The answer is to be an exact copy of the lines below running from the line with "#71=IFCLOCALPLACEMENT(#14,#2);" down to the line with "#87=IFCINDEXEDPOLYGONALFACE((25,26,28,27));", both ends included, and nothing more.

Stored data
━━━━━━━━━━

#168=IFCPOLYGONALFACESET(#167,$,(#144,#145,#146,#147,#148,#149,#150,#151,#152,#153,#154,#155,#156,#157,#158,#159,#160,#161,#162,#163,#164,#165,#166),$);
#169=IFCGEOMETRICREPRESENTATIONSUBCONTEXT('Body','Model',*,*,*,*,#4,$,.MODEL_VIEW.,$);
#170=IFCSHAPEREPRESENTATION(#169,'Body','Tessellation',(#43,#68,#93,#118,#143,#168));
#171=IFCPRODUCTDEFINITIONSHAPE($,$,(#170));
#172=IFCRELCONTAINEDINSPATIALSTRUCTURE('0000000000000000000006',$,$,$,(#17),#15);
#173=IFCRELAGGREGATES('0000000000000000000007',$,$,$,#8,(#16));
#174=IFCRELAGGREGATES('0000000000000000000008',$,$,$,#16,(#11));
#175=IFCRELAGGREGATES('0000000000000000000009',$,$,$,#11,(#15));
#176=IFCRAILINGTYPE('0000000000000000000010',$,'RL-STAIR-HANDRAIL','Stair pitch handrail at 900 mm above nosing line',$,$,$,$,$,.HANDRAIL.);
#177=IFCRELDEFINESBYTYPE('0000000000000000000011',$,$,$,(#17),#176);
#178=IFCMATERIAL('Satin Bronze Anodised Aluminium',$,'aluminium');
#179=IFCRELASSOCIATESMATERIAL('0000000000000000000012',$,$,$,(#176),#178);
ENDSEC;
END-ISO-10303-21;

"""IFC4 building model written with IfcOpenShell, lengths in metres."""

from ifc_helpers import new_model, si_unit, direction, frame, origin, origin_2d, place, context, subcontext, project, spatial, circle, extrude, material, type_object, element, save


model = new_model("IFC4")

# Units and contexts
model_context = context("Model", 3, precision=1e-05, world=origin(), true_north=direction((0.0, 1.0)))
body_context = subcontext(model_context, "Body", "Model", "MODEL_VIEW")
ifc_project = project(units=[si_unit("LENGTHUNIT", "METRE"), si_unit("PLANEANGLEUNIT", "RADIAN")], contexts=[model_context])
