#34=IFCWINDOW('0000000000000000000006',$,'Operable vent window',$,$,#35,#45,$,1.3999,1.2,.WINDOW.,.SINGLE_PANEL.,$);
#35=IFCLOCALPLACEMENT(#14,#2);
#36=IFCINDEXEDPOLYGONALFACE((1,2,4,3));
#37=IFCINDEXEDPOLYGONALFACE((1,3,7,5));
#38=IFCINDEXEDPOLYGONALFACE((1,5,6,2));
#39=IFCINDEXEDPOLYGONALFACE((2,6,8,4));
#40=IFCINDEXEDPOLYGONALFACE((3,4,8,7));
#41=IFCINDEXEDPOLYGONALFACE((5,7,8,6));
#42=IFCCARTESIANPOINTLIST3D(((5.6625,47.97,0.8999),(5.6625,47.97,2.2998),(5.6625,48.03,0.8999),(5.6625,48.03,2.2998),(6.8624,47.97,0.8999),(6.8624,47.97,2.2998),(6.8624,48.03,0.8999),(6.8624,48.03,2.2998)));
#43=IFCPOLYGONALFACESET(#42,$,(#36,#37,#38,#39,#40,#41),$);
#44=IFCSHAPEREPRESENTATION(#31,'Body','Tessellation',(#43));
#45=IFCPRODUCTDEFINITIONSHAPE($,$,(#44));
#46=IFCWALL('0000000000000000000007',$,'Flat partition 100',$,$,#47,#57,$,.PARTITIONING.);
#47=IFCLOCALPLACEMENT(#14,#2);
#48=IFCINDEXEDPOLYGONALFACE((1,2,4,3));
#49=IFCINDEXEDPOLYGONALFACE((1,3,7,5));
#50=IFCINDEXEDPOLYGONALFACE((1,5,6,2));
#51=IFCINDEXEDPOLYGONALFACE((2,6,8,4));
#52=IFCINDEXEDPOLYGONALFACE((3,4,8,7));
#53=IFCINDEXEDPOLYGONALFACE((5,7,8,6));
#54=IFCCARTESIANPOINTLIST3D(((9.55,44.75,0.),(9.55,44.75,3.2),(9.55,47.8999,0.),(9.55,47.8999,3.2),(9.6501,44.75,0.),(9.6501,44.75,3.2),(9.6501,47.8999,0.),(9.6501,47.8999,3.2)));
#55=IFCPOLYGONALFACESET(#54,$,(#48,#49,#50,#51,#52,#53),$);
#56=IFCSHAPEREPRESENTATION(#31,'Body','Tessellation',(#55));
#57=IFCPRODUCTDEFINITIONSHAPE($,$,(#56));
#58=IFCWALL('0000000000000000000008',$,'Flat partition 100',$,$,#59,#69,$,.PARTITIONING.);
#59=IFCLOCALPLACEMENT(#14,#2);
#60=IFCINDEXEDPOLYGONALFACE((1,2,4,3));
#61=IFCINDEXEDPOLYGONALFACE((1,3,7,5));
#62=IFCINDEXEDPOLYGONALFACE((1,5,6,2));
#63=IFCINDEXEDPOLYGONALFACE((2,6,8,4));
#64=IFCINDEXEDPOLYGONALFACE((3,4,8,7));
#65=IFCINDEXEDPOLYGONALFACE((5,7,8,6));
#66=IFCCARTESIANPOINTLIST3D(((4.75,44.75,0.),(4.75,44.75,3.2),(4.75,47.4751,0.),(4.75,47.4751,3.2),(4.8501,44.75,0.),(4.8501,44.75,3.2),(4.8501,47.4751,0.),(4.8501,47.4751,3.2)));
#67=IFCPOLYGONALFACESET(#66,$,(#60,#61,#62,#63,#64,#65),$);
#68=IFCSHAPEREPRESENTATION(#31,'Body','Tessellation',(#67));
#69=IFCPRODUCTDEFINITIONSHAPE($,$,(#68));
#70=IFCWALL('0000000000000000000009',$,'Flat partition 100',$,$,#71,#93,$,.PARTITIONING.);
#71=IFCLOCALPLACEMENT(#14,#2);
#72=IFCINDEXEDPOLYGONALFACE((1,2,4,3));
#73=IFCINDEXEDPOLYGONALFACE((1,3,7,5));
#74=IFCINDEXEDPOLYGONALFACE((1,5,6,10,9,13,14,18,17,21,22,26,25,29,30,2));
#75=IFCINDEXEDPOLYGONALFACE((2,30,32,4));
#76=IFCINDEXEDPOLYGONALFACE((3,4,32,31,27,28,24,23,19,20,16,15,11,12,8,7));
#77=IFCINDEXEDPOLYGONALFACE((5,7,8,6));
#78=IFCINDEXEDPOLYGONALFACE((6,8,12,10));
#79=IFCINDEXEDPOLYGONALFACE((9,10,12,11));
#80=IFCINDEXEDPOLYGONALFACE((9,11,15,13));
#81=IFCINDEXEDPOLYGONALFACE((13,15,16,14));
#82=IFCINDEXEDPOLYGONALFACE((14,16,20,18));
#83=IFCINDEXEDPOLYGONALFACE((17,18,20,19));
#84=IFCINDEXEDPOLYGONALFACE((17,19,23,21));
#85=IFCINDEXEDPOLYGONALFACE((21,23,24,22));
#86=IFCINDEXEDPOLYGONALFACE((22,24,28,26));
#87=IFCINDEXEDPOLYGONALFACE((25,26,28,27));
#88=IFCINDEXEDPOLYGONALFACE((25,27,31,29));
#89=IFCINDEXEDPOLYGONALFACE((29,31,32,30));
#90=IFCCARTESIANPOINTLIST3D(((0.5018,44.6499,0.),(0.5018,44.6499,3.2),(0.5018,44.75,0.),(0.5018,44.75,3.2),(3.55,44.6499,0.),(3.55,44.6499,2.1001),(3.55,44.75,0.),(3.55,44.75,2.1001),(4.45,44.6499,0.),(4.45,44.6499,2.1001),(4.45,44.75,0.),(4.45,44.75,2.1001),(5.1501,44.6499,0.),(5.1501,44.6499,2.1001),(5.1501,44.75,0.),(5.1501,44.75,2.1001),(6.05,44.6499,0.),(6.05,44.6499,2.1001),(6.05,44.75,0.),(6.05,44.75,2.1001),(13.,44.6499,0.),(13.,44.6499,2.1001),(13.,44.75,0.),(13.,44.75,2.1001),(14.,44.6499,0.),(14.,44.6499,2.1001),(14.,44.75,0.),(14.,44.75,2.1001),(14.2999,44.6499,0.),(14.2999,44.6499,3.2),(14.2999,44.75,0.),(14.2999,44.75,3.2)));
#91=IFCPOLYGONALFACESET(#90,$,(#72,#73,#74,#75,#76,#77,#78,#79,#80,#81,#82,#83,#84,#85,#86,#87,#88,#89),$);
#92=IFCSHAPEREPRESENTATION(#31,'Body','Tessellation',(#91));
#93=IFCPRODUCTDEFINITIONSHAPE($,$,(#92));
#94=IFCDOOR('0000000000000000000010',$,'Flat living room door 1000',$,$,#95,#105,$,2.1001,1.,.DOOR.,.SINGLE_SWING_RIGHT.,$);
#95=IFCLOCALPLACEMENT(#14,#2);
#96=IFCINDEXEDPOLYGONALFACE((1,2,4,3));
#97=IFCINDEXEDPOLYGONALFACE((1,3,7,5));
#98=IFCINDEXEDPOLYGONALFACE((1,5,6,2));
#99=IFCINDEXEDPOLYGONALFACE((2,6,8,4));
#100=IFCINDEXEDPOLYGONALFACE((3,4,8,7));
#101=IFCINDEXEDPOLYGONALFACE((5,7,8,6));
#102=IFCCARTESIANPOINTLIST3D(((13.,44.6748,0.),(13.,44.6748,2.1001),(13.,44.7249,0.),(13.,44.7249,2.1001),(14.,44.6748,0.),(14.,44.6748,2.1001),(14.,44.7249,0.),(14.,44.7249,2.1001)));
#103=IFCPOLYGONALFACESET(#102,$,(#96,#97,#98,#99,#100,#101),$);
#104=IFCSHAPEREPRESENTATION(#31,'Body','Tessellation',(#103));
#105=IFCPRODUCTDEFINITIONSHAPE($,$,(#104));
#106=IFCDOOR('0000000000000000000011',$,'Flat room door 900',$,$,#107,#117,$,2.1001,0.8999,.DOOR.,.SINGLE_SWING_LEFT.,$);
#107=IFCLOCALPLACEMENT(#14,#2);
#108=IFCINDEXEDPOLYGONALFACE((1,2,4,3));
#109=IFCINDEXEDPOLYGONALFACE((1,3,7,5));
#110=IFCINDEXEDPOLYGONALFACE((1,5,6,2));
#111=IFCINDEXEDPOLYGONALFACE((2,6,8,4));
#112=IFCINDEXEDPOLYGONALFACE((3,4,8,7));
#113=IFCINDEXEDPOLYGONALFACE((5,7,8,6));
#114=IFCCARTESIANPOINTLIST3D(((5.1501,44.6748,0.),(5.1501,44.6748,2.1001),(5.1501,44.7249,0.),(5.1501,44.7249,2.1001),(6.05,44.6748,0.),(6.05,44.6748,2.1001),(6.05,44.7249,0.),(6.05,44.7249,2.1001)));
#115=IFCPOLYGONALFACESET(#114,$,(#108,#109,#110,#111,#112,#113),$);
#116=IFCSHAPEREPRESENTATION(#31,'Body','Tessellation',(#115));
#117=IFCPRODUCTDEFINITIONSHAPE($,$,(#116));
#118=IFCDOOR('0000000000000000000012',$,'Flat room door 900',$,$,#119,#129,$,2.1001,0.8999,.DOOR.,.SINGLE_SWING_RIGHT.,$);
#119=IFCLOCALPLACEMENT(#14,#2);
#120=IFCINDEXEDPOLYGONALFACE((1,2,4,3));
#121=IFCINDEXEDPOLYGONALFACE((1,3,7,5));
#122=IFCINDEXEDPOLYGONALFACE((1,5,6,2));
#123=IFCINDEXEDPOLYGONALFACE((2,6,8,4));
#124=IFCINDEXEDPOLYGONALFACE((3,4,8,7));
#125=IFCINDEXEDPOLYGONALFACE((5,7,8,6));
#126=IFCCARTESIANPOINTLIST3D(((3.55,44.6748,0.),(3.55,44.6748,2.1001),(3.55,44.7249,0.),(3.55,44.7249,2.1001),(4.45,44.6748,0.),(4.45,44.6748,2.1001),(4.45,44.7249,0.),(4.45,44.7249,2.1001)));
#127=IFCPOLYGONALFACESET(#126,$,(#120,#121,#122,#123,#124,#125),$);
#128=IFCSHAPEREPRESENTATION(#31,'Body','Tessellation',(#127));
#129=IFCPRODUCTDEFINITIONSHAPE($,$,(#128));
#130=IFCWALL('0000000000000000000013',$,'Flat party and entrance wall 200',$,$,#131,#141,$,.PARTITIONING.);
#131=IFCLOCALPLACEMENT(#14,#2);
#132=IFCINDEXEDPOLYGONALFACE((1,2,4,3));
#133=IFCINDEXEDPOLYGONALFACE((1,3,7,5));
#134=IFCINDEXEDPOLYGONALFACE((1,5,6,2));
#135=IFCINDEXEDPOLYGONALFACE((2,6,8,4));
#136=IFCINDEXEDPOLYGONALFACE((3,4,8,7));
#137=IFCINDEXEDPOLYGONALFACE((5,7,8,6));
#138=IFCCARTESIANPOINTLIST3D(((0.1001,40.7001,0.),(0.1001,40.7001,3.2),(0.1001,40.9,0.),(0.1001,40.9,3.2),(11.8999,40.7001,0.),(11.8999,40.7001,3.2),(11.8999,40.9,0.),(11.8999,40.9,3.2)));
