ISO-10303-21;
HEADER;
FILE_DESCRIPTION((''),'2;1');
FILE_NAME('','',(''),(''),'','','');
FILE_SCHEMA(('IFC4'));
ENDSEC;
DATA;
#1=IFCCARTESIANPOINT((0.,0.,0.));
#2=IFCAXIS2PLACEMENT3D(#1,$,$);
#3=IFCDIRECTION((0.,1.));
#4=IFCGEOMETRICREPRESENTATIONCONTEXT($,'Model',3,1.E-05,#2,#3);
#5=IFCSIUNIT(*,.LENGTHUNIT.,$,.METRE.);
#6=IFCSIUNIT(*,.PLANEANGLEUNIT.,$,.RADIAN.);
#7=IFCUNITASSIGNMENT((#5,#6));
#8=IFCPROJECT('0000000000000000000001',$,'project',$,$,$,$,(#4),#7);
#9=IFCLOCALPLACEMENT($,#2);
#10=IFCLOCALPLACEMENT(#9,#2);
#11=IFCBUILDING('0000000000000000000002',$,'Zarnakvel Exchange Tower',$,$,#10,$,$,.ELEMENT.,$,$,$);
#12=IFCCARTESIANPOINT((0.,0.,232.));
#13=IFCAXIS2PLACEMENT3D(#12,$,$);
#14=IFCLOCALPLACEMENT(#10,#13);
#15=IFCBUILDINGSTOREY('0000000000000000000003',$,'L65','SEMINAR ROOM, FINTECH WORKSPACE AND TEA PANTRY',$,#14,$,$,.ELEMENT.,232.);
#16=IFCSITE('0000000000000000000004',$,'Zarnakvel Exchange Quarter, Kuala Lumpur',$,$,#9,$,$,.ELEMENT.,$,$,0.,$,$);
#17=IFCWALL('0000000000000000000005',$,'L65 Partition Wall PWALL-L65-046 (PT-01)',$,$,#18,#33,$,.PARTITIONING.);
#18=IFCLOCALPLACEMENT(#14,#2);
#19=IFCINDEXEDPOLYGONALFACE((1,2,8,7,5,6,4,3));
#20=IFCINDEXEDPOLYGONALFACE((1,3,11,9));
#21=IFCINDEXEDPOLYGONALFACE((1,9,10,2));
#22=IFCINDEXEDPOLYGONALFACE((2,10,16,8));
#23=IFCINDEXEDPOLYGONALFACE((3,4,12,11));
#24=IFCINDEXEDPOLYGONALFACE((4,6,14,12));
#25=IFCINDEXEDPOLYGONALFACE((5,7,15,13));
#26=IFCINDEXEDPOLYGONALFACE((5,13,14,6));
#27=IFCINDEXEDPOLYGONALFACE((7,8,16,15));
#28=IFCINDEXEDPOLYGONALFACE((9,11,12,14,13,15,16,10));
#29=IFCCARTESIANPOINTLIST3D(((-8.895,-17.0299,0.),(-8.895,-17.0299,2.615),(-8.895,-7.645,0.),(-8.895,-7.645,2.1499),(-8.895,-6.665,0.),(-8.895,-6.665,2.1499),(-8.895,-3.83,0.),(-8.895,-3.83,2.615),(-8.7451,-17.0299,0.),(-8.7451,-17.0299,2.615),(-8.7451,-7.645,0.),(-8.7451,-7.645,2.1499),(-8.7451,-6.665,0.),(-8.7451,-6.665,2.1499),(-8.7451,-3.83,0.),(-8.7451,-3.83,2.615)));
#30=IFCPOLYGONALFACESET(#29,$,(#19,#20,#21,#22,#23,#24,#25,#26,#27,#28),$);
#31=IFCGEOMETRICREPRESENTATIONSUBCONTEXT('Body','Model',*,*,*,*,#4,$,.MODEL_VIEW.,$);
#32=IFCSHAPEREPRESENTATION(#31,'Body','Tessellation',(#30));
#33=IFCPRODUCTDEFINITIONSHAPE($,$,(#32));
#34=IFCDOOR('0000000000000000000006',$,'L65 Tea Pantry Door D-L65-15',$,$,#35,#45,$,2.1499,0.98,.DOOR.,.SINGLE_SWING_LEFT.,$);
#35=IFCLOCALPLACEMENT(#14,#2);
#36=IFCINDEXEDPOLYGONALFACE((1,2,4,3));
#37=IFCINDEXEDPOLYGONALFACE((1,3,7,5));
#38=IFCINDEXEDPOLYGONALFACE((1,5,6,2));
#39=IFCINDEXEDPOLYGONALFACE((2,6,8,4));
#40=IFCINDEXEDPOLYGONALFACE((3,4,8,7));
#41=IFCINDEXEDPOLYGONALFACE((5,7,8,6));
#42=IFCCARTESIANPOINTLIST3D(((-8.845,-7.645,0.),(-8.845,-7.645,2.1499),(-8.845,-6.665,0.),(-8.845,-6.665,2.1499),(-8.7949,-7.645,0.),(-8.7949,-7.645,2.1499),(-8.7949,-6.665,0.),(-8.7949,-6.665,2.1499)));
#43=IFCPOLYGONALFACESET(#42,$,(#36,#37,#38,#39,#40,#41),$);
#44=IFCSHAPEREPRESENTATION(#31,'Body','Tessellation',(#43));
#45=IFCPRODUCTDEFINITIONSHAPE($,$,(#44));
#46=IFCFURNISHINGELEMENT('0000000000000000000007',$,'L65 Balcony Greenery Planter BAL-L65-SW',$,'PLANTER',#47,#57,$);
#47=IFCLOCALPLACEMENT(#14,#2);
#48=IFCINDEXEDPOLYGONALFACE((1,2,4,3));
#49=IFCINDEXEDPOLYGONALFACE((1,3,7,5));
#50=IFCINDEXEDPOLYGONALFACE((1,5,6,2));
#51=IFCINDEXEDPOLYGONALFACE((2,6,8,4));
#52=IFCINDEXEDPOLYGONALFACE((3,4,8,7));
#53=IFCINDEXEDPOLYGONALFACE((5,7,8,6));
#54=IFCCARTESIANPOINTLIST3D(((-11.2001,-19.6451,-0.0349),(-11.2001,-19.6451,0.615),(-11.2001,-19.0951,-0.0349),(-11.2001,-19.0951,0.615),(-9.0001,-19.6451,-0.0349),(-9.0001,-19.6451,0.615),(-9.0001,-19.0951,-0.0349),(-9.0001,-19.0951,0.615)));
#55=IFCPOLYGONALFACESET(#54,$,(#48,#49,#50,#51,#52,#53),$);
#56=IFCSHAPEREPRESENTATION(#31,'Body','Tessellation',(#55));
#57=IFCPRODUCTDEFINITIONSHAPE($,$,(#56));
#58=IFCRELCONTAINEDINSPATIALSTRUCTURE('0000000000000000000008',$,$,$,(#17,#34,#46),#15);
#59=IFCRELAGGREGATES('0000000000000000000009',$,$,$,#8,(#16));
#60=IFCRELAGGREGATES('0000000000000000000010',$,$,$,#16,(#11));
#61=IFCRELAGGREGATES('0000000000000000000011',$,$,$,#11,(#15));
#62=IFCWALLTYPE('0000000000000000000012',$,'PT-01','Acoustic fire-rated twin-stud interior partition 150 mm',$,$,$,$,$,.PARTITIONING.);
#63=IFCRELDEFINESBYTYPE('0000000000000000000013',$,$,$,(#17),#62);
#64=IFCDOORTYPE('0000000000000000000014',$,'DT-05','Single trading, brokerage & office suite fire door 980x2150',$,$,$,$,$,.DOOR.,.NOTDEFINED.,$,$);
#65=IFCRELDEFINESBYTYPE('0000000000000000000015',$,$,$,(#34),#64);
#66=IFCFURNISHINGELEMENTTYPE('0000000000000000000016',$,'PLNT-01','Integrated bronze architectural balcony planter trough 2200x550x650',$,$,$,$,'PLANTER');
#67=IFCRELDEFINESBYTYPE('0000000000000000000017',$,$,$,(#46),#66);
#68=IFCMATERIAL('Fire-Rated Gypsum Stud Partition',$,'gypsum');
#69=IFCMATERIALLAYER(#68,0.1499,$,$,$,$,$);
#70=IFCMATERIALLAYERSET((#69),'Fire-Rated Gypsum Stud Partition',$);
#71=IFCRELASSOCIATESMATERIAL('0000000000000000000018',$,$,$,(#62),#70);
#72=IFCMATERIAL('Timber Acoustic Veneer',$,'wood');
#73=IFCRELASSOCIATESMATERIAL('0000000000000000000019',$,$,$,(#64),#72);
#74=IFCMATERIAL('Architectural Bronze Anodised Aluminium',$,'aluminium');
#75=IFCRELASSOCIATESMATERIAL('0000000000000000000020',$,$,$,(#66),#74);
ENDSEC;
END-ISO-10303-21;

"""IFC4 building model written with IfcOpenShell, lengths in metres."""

from ifc_helpers import new_model, si_unit, direction, frame, frame_2d, origin, origin_2d, place, context, subcontext, project, spatial, rectangle, extrude, source, transform, mapped, material, layer, layer_set, type_object, element, fill, save


model = new_model("IFC4")

# Units and contexts
model_context = context("Model", 3, precision=1e-05, world=origin(), true_north=direction((0.0, 1.0)))
body_context = subcontext(model_context, "Body", "Model", "MODEL_VIEW")
ifc_project = project(units=[si_unit("LENGTHUNIT", "METRE"), si_unit("PLANEANGLEUNIT", "RADIAN")], contexts=[model_context])

# Site, building, storey
site_placement = place(None, origin())
site = spatial("IfcSite", under=ifc_project, at=site_placement, Name="Zarnakvel Exchange Quarter, Kuala Lumpur", CompositionType="ELEMENT", RefElevation=0.0)
building_placement = place(site_placement, origin())
building = spatial("IfcBuilding", under=site, at=building_placement, Name="Zarnakvel Exchange Tower", CompositionType="ELEMENT")
storey_placement = place(building_placement, frame((0.0, 0.0, 232.0)))
storey = spatial("IfcBuildingStorey", under=building, at=storey_placement, Name="L65", Description="SEMINAR ROOM, FINTECH WORKSPACE AND TEA PANTRY", CompositionType="ELEMENT", Elevation=232.0)

# Shared definitions
ifc_material_1 = material(Name="Architectural Bronze Anodised Aluminium", Category="aluminium")

# Wall, opening, door
ifc_material_2 = material(Name="Fire-Rated Gypsum Stud Partition", Category="gypsum")
ifc_layer_1 = layer(ifc_material_2, 0.1499)
ifc_layer_set_1 = layer_set([ifc_layer_1], Name="Fire-Rated Gypsum Stud Partition")
wall_type_1 = type_object("IfcWallType", Name="PT-01", Description="Acoustic fire-rated twin-stud interior partition 150 mm", PredefinedType="PARTITIONING", material=ifc_layer_set_1)
wall_1_placement = place(storey_placement, frame((-8.8201, -17.03, 0.0), z_axis=(0.0, 0.0, 1.0), x_axis=(0.0, 1.0, 0.0)))
wall_1 = element("IfcWall", 1, at=wall_1_placement, inside=storey, type_object=wall_type_1, Name="L65 Partition Wall PWALL-L65-046 (PT-01)", PredefinedType="PARTITIONING", context=body_context, shape_type="SweptSolid", body=[
    extrude(rectangle(XDim=13.2, YDim=0.1499, at=frame_2d((6.6001, 0.0))), origin(), (0.0, 0.0, 1.0), 2.615),
])
opening_1_placement = place(wall_1_placement, frame((9.385, 0.0, 0.0)))
opening_1 = element("IfcOpeningElement", 2, at=opening_1_placement, cuts=wall_1, PredefinedType="OPENING", context=body_context, shape_type="SweptSolid", body=[
    extrude(rectangle(XDim=0.98, YDim=2.1499, at=frame_2d((0.49, 1.075))), frame((0.0, 0.085, 0.0), z_axis=(0.0, -1.0, 0.0), x_axis=(1.0, 0.0, 0.0)), (0.0, 0.0, 1.0), 0.1699),
])
ifc_material_3 = material(Name="Timber Acoustic Veneer", Category="wood")
door_type_1 = type_object("IfcDoorType", Name="DT-05", Description="Single trading, brokerage & office suite fire door 980x2150", OperationType="NOTDEFINED", PredefinedType="DOOR", material=ifc_material_3)
shared_shape_1 = source(origin(), body_context, "Body", "SweptSolid", [
    extrude(rectangle(XDim=0.98, YDim=2.1499, at=frame_2d((0.49, 1.075))), frame((0.0, 0.0249, 0.0), z_axis=(0.0, -1.0, 0.0), x_axis=(1.0, 0.0, 0.0)), (0.0, 0.0, 1.0), 0.05),
])
door_1_placement = place(opening_1_placement, origin())
door_1 = element("IfcDoor", 3, at=door_1_placement, inside=storey, type_object=door_type_1, Name="L65 Tea Pantry Door D-L65-15", OperationType="SINGLE_SWING_LEFT", OverallHeight=2.1499, OverallWidth=0.98, PredefinedType="DOOR", context=body_context, shape_type="MappedRepresentation", body=[
    mapped(shared_shape_1, transform((0.0, 0.0, 0.0), x_axis=(1.0, 0.0, 0.0), y_axis=(0.0, 1.0, 0.0), z_axis=(0.0, 0.0, 1.0), scale=1.0)),
])
fill(opening_1, door_1)

# Furnishing element
furnishing_element_type = type_object("IfcFurnishingElementType", Name="PLNT-01", Description="Integrated bronze architectural balcony planter trough 2200x550x650", ElementType="PLANTER", material=ifc_material_1)
shared_shape_2 = source(origin(), body_context, "Body", "SweptSolid", [
    extrude(rectangle(XDim=2.2, YDim=0.55, at=origin_2d()), origin(), (0.0, 0.0, 1.0), 0.6499),
])
furnishing_placement = place(storey_placement, frame((-10.1001, -19.3701, -0.0349), z_axis=(0.0, 0.0, 1.0), x_axis=(1.0, 0.0, 0.0)))
element("IfcFurnishingElement", 4, at=furnishing_placement, inside=storey, type_object=furnishing_element_type, Name="L65 Balcony Greenery Planter BAL-L65-SW", ObjectType="PLANTER", context=body_context, shape_type="MappedRepresentation", body=[
    mapped(shared_shape_2, transform((0.0, 0.0, 0.0), x_axis=(1.0, 0.0, 0.0), y_axis=(0.0, 1.0, 0.0), z_axis=(0.0, 0.0, 1.0), scale=1.0)),
])

save(model, "model.ifc")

━━━━━━━━━━

■ TASK SOLUTION
#71=IFCLOCALPLACEMENT(#14,#2);
#72=IFCINDEXEDPOLYGONALFACE((1,2,4,3));
#73=IFCINDEXEDPOLYGONALFACE((1,3,7,5));
#74=IFCINDEXEDPOLYGONALFACE((1,5,6,10,9,13,14,18,17,21,22,26,25,29,30,2));
#75=IFCINDEXEDPOLYGONALFACE((2,30,32,4));
#76=IFCINDEXEDPOLYGONALFACE((3,4,32,31,27,28,24,23,19,20,16,15,11,12,8,7));
#77=IFCINDEXEDPOLYGONALFACE((5,7,8,6));
#78=IFCINDEXEDPOLYGONALFACE((6,8,12,10));
#79=IFCINDEXEDPOLYGONALFACE((9,10,12,11));
#80=IFCINDEXEDPOLYGONALFACE((9,11,15,13));
#81=IFCINDEXEDPOLYGONALFACE((13,15,16,14));
#82=IFCINDEXEDPOLYGONALFACE((14,16,20,18));
#83=IFCINDEXEDPOLYGONALFACE((17,18,20,19));
#84=IFCINDEXEDPOLYGONALFACE((17,19,23,21));
#85=IFCINDEXEDPOLYGONALFACE((21,23,24,22));
#86=IFCINDEXEDPOLYGONALFACE((22,24,28,26));
#87=IFCINDEXEDPOLYGONALFACE((25,26,28,27));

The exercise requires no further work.